(Collected data entries)
────────────────────────────────────────

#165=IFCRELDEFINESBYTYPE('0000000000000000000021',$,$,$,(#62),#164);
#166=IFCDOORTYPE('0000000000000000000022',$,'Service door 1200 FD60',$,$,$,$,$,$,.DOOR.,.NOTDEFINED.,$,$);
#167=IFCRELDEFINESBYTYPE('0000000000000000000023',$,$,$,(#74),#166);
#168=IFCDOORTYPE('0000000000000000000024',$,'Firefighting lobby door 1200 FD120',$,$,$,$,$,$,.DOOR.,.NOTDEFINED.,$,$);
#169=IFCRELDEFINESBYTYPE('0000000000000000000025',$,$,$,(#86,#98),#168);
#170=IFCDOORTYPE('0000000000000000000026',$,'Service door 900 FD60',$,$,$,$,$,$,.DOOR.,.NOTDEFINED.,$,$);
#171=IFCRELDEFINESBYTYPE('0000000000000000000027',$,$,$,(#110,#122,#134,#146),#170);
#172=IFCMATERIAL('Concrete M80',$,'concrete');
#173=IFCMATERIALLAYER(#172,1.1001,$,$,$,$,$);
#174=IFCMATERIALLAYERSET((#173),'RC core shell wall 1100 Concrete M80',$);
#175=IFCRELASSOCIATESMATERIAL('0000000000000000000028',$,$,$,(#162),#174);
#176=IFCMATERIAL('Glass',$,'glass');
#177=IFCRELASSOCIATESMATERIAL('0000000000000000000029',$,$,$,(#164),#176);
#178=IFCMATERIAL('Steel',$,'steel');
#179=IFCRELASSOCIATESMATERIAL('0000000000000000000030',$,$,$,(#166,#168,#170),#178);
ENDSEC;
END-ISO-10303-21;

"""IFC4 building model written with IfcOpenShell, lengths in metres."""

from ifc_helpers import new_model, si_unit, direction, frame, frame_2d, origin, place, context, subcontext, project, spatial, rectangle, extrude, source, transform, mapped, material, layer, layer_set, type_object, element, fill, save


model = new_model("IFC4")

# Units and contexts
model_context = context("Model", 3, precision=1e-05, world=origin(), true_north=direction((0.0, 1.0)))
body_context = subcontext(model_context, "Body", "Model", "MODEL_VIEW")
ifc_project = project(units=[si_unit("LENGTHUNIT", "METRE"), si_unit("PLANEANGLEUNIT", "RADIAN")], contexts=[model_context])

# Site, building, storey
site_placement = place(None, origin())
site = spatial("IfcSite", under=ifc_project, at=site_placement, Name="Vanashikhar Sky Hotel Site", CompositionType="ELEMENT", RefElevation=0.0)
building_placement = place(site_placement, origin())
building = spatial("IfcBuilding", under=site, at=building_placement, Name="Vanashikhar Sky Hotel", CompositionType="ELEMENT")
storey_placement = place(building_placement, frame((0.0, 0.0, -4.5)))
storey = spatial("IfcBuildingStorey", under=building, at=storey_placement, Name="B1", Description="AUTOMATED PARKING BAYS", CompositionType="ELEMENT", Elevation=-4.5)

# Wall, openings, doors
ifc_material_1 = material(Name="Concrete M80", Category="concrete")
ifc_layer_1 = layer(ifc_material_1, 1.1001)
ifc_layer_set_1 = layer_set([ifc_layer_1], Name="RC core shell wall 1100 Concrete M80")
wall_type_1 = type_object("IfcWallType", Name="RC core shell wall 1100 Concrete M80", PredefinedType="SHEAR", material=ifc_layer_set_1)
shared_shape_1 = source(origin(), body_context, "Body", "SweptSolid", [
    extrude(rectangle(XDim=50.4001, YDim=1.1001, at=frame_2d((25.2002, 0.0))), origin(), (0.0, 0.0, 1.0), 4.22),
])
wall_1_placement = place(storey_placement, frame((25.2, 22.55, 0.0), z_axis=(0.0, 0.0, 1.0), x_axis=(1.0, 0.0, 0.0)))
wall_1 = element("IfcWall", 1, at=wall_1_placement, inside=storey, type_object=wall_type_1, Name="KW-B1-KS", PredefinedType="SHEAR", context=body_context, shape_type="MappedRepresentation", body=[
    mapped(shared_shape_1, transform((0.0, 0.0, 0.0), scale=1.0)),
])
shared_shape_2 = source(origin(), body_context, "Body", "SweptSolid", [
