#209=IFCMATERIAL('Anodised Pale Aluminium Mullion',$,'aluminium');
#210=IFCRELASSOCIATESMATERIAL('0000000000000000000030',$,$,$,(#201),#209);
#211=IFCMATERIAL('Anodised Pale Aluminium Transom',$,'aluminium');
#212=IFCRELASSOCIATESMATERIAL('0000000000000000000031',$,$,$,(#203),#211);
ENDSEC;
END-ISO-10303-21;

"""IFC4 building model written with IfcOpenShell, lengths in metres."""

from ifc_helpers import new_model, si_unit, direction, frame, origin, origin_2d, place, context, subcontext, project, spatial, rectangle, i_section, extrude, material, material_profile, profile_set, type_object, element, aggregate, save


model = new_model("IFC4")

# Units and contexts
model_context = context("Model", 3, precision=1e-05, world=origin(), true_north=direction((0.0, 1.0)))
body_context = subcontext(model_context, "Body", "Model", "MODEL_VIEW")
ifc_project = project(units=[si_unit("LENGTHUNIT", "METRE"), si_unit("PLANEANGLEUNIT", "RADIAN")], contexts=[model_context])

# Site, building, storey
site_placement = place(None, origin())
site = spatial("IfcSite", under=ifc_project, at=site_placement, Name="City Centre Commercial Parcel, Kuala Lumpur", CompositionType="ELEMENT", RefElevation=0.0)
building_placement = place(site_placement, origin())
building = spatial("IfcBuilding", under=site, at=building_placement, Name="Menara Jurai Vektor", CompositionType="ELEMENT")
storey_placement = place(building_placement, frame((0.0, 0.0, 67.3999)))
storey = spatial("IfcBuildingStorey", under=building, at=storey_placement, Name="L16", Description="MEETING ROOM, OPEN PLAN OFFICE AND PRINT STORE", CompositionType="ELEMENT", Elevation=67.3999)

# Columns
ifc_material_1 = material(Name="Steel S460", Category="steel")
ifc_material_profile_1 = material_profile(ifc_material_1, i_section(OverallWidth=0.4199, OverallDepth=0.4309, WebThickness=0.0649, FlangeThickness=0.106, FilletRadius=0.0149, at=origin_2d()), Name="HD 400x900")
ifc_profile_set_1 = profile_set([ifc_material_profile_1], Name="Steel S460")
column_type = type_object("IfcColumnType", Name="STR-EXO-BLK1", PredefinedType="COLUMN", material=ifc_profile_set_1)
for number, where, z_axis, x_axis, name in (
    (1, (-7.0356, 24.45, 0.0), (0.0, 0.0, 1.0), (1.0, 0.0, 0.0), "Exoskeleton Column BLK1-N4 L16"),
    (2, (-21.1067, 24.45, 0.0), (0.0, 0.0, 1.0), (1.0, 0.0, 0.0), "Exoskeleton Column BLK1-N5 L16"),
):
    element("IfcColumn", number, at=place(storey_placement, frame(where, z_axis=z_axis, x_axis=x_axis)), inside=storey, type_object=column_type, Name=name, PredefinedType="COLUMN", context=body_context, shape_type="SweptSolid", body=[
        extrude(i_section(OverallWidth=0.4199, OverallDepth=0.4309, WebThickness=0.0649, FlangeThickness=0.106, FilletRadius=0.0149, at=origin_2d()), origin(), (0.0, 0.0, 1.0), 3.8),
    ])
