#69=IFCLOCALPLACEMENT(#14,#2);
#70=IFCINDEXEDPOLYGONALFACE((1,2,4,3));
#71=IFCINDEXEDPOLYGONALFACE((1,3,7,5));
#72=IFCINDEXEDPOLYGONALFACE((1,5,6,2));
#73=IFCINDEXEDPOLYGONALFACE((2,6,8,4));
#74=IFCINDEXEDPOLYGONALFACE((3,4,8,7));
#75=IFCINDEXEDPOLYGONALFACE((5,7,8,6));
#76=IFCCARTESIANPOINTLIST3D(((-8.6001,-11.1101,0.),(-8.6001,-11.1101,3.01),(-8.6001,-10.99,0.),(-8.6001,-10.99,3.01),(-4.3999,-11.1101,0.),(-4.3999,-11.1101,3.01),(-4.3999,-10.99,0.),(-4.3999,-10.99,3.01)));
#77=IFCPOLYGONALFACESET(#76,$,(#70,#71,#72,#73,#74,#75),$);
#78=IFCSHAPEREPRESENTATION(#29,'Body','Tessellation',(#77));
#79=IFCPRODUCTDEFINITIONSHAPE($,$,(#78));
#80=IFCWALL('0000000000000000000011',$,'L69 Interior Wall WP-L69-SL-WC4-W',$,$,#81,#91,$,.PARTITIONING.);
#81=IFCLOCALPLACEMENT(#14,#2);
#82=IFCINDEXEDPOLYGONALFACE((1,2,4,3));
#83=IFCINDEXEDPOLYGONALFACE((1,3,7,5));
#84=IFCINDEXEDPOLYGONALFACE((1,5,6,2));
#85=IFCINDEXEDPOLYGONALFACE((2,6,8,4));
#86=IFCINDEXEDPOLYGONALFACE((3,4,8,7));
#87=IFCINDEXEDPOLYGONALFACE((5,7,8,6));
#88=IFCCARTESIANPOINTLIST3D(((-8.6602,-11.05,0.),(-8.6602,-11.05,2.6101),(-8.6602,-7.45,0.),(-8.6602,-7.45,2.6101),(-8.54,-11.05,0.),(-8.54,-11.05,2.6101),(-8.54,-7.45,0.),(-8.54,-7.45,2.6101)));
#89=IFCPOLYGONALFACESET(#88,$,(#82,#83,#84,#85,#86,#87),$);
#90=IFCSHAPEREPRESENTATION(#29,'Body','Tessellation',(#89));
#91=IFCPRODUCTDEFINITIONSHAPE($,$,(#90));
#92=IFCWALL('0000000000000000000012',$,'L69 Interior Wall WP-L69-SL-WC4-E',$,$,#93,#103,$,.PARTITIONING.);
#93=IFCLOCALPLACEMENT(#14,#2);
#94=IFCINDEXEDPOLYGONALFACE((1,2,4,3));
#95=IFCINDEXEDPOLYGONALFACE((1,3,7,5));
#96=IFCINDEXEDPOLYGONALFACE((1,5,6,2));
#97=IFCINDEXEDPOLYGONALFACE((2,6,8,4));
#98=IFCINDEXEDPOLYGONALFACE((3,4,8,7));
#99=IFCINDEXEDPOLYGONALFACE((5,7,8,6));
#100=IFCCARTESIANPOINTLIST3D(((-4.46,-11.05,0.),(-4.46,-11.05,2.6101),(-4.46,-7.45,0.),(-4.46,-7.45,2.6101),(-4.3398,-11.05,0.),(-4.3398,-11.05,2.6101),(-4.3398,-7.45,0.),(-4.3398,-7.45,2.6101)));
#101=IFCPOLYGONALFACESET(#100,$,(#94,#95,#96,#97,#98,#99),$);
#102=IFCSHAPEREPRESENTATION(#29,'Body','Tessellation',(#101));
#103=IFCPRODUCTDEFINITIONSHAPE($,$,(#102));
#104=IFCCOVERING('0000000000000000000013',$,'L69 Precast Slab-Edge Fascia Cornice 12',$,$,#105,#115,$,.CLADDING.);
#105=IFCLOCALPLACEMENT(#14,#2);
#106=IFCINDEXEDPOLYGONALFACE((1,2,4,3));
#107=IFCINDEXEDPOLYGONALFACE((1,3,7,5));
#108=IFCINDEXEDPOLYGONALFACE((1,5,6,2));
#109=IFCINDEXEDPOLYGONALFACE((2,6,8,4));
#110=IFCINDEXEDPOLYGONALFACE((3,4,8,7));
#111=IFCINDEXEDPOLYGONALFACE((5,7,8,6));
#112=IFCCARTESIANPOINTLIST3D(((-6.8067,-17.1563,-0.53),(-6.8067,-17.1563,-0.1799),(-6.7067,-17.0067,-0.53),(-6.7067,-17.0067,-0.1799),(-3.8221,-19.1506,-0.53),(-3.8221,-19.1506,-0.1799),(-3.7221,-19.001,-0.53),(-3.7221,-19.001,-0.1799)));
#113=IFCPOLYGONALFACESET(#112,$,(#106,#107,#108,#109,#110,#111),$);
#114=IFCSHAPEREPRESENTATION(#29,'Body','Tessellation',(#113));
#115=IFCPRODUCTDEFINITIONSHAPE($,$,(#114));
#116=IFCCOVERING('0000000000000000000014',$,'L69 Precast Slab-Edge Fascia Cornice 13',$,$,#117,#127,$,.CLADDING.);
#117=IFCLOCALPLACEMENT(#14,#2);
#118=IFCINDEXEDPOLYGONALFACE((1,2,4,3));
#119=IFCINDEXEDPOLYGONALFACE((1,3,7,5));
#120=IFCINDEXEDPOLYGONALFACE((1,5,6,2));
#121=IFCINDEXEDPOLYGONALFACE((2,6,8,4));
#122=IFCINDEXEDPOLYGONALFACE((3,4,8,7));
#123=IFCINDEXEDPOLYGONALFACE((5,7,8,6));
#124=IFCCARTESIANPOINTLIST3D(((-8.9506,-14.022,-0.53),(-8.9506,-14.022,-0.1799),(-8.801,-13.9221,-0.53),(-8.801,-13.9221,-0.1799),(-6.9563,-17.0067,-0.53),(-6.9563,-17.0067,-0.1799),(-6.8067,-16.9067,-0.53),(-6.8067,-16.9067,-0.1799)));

────────────────────────────────────────

- **Directions for this task**:
If a line above contains the string "IFCSHAPEREPRESENTATION", count it, then give the total and nothing else.

- **Answer box**:
4